◆ **What is needed**
Only an exact, line-for-line copy of the data will serve as the answer.

◆ **Task input**

————————

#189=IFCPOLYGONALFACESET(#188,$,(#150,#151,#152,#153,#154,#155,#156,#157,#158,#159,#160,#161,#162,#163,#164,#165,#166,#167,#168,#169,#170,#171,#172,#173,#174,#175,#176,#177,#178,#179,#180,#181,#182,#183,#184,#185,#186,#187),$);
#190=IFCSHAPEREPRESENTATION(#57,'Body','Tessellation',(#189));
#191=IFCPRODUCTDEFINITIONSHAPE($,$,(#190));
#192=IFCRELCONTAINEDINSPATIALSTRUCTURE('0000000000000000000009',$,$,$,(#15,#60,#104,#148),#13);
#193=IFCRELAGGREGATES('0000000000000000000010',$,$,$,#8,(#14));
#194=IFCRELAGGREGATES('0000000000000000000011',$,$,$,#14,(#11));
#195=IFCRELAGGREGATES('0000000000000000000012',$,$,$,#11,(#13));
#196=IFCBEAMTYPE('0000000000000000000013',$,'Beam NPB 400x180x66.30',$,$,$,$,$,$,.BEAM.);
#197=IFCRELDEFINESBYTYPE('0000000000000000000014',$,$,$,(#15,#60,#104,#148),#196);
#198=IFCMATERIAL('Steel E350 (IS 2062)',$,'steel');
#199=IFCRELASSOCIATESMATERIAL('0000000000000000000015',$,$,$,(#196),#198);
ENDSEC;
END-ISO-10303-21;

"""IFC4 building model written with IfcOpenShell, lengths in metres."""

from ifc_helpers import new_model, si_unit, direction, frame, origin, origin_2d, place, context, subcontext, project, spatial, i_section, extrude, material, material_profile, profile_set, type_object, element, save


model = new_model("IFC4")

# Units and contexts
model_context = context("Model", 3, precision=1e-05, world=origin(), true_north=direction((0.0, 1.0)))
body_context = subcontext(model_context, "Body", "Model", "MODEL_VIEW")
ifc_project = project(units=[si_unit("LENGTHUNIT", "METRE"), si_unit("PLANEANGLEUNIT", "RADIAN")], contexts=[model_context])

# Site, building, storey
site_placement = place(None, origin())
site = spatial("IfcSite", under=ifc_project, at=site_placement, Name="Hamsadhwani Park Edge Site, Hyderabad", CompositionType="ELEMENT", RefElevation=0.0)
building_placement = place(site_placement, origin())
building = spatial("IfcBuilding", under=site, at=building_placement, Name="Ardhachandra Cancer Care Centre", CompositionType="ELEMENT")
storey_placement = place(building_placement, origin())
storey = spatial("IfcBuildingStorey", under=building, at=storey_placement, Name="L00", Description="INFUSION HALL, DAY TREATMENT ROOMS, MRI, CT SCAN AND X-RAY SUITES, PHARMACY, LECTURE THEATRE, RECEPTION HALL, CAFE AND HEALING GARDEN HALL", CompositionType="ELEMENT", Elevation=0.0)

————————

◆ **The answer**
#189=IFCPOLYGONALFACESET(#188,$,(#150,#151,#152,#153,#154,#155,#156,#157,#158,#159,#160,#161,#162,#163,#164,#165,#166,#167,#168,#169,#170,#171,#172,#173,#174,#175,#176,#177,#178,#179,#180,#181,#182,#183,#184,#185,#186,#187),$);
#190=IFCSHAPEREPRESENTATION(#57,'Body','Tessellation',(#189));
#191=IFCPRODUCTDEFINITIONSHAPE($,$,(#190));
#192=IFCRELCONTAINEDINSPATIALSTRUCTURE('0000000000000000000009',$,$,$,(#15,#60,#104,#148),#13);
#193=IFCRELAGGREGATES('0000000000000000000010',$,$,$,#8,(#14));
#194=IFCRELAGGREGATES('0000000000000000000011',$,$,$,#14,(#11));
#195=IFCRELAGGREGATES('0000000000000000000012',$,$,$,#11,(#13));
#196=IFCBEAMTYPE('0000000000000000000013',$,'Beam NPB 400x180x66.30',$,$,$,$,$,$,.BEAM.);
#197=IFCRELDEFINESBYTYPE('0000000000000000000014',$,$,$,(#15,#60,#104,#148),#196);
#198=IFCMATERIAL('Steel E350 (IS 2062)',$,'steel');
#199=IFCRELASSOCIATESMATERIAL('0000000000000000000015',$,$,$,(#196),#198);
ENDSEC;
END-ISO-10303-21;

"""IFC4 building model written with IfcOpenShell, lengths in metres."""

from ifc_helpers import new_model, si_unit, direction, frame, origin, origin_2d, place, context, subcontext, project, spatial, i_section, extrude, material, material_profile, profile_set, type_object, element, save


model = new_model("IFC4")

# Units and contexts
model_context = context("Model", 3, precision=1e-05, world=origin(), true_north=direction((0.0, 1.0)))
body_context = subcontext(model_context, "Body", "Model", "MODEL_VIEW")
ifc_project = project(units=[si_unit("LENGTHUNIT", "METRE"), si_unit("PLANEANGLEUNIT", "RADIAN")], contexts=[model_context])

# Site, building, storey
site_placement = place(None, origin())
site = spatial("IfcSite", under=ifc_project, at=site_placement, Name="Hamsadhwani Park Edge Site, Hyderabad", CompositionType="ELEMENT", RefElevation=0.0)
building_placement = place(site_placement, origin())
building = spatial("IfcBuilding", under=site, at=building_placement, Name="Ardhachandra Cancer Care Centre", CompositionType="ELEMENT")
storey_placement = place(building_placement, origin())
storey = spatial("IfcBuildingStorey", under=building, at=storey_placement, Name="L00", Description="INFUSION HALL, DAY TREATMENT ROOMS, MRI, CT SCAN AND X-RAY SUITES, PHARMACY, LECTURE THEATRE, RECEPTION HALL, CAFE AND HEALING GARDEN HALL", CompositionType="ELEMENT", Elevation=0.0)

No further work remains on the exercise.